**TO DO:**
Nothing outside the range is wanted. Repeat exactly the lines below from the one with "#118=IFCMATERIALLAYER(#117,0.0239,$,$,$,$,$);" through the one with "END-ISO-10303-21;".

**TASK MATERIAL:**
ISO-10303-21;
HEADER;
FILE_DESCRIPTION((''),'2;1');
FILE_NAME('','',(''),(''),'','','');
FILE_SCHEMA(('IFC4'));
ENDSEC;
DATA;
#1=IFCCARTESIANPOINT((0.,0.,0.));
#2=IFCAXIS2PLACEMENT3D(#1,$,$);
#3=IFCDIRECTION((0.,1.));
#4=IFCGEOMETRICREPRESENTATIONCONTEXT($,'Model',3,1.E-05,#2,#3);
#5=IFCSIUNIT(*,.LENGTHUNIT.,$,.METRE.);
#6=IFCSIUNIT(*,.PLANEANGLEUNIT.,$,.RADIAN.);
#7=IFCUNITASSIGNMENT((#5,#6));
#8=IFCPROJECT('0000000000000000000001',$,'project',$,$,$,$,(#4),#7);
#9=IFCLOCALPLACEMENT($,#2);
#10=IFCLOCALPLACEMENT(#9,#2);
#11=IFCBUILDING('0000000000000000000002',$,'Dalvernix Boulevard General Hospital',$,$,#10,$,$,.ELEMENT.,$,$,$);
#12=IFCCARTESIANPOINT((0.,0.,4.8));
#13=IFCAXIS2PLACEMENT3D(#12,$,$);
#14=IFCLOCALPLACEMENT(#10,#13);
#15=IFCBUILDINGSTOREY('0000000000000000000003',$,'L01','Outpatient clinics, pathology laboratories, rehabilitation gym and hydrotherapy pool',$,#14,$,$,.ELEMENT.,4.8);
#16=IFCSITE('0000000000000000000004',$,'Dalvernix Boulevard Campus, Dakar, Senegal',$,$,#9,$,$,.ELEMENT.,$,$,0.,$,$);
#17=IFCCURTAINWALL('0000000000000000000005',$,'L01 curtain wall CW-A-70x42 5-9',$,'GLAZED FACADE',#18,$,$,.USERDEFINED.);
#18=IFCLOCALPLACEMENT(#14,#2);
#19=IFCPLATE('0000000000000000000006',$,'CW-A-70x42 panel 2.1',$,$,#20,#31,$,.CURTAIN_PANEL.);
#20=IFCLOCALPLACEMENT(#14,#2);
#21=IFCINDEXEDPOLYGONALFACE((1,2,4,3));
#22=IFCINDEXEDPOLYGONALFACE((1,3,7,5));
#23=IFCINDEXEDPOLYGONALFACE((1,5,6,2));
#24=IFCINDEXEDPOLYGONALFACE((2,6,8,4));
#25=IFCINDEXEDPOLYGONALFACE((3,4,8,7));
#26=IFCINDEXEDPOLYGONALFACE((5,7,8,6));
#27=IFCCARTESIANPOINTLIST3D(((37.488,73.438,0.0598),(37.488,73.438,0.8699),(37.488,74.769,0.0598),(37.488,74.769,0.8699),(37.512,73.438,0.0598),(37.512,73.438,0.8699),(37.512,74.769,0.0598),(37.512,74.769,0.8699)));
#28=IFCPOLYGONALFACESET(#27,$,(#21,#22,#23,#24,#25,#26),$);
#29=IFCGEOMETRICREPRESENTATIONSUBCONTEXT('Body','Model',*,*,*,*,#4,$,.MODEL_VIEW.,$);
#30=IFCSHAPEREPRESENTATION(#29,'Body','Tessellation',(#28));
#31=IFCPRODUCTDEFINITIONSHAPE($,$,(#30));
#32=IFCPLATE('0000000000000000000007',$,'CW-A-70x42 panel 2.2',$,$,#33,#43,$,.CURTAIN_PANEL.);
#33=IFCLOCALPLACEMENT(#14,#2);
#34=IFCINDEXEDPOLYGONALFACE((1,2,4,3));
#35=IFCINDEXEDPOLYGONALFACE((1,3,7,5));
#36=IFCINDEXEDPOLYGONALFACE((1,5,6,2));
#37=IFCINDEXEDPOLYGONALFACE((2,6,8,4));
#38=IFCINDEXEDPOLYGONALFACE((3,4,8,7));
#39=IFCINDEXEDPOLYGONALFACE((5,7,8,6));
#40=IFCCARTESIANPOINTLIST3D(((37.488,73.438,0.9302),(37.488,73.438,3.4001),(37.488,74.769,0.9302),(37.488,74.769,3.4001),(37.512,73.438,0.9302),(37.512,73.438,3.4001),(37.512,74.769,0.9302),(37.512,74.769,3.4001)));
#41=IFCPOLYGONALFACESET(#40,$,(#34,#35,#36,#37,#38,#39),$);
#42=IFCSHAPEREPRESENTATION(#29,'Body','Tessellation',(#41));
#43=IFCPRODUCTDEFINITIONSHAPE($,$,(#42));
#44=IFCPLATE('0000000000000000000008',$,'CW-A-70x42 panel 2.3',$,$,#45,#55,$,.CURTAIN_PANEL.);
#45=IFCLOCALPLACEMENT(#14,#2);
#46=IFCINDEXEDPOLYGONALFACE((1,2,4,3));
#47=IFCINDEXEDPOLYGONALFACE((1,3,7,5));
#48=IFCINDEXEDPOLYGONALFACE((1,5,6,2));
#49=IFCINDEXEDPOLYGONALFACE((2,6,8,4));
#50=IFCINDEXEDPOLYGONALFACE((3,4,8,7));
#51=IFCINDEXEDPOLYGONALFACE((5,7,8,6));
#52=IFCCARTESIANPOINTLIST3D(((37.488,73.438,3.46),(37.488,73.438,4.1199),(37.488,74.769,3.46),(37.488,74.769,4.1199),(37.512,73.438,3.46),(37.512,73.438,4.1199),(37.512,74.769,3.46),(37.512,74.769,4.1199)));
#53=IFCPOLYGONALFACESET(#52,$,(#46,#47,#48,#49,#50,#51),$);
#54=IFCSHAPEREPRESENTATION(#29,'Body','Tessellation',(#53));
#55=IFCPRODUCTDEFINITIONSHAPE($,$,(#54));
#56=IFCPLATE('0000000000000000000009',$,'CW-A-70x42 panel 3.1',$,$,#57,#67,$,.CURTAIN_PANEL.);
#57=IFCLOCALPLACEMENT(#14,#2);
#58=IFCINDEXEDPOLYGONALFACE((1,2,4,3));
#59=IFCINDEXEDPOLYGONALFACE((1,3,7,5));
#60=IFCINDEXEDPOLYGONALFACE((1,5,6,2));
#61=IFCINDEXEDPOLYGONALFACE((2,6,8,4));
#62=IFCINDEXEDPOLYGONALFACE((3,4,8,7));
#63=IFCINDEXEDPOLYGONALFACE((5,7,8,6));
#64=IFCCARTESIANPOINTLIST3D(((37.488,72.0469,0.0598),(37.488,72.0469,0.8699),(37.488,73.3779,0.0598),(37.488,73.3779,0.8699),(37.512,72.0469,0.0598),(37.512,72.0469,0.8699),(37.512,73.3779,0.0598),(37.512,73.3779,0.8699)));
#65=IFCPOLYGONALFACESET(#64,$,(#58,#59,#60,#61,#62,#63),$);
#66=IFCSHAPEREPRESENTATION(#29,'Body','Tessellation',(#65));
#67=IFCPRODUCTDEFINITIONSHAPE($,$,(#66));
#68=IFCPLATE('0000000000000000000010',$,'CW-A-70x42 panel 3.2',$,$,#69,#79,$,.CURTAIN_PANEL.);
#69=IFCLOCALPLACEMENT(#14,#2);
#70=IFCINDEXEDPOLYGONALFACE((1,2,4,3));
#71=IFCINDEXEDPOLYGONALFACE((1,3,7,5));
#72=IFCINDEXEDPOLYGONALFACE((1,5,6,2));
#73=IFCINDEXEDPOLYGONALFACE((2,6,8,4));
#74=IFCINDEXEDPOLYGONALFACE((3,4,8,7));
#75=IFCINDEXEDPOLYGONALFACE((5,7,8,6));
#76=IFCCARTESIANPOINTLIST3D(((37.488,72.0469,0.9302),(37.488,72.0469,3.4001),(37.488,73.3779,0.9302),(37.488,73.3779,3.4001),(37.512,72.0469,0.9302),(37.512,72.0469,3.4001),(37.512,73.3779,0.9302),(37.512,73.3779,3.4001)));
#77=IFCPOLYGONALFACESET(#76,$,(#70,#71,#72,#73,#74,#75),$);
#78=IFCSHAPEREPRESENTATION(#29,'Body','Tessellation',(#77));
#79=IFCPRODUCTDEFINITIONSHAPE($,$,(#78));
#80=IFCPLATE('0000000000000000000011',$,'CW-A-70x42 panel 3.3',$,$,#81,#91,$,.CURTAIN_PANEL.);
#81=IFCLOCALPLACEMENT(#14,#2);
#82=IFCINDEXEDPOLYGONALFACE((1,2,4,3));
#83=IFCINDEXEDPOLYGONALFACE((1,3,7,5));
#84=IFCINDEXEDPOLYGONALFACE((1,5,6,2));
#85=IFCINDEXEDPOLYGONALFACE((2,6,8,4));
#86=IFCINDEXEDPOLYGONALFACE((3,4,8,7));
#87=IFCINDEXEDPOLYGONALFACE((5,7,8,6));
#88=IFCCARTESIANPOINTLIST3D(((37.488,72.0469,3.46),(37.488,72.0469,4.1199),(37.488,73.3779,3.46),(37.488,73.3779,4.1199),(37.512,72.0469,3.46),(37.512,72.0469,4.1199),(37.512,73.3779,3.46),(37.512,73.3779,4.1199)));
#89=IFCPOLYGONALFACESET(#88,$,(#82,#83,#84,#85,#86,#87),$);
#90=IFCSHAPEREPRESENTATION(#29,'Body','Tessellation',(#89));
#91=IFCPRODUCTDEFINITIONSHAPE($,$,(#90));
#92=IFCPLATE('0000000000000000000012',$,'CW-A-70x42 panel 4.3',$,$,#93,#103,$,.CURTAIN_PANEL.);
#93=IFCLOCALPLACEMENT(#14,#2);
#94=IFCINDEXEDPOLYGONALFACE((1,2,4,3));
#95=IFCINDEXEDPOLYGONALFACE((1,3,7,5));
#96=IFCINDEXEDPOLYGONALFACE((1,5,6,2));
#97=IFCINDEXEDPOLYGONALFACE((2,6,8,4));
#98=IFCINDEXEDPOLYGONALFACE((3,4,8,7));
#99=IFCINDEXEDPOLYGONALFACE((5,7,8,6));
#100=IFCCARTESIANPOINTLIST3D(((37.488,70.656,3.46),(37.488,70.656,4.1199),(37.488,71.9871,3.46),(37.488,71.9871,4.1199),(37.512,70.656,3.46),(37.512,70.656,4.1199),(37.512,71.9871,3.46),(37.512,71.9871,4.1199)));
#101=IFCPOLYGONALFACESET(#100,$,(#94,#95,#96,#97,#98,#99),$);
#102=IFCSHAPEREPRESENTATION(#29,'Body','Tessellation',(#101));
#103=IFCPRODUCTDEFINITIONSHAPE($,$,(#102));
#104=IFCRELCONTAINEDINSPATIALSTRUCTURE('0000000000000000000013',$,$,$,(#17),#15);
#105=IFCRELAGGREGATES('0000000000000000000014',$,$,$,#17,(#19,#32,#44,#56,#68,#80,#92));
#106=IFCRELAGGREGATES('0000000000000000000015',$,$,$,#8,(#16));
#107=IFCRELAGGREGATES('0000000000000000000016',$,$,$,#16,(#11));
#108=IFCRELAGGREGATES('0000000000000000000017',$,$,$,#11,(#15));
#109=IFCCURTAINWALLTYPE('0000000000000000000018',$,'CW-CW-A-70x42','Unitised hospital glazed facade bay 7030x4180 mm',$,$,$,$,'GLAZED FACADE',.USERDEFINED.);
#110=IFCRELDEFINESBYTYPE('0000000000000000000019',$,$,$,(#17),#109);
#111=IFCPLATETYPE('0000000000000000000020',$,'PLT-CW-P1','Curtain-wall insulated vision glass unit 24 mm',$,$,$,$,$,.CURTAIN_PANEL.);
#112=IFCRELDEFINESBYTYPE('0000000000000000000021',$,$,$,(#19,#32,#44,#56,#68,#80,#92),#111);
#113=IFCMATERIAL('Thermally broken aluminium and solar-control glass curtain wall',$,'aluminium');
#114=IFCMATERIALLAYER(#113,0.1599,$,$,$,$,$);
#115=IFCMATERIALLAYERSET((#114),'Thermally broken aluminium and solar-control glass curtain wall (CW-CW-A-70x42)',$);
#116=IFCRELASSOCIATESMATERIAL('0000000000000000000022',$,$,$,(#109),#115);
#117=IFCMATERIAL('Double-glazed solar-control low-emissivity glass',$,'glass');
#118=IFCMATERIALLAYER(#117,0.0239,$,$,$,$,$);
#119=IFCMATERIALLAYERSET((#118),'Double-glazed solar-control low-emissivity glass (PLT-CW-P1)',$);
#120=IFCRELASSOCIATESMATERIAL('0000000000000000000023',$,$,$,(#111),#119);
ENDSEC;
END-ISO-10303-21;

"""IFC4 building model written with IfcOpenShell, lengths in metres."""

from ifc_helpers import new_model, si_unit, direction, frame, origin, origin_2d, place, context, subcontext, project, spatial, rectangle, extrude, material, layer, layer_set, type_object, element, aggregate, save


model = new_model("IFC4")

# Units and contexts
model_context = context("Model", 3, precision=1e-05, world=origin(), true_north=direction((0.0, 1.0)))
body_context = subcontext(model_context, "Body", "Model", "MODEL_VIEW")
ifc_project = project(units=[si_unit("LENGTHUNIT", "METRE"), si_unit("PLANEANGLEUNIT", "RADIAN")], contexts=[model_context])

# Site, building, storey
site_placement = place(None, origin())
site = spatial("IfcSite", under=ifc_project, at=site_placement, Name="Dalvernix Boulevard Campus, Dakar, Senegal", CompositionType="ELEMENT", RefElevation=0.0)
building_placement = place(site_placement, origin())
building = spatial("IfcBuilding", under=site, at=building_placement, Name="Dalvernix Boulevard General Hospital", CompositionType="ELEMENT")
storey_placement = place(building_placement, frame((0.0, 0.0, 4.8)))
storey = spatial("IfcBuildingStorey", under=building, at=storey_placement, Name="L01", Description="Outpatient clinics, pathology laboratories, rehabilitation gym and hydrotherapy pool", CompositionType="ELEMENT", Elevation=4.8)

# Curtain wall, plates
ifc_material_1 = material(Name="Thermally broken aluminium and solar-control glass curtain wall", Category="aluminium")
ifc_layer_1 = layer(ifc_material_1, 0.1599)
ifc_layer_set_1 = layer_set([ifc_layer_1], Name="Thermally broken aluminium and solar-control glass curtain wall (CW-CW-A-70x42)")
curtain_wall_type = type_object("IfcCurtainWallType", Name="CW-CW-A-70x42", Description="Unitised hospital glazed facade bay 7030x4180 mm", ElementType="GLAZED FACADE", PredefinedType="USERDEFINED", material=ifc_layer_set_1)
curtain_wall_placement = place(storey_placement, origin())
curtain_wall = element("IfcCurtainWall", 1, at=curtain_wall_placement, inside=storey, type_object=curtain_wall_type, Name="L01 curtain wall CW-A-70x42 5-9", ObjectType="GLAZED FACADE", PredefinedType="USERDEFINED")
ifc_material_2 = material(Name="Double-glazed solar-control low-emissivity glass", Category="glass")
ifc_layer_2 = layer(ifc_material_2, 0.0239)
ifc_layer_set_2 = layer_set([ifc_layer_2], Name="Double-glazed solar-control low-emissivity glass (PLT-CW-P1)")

**OUTPUT OF THE EXERCISE:**
#118=IFCMATERIALLAYER(#117,0.0239,$,$,$,$,$);
#119=IFCMATERIALLAYERSET((#118),'Double-glazed solar-control low-emissivity glass (PLT-CW-P1)',$);
#120=IFCRELASSOCIATESMATERIAL('0000000000000000000023',$,$,$,(#111),#119);
ENDSEC;
END-ISO-10303-21;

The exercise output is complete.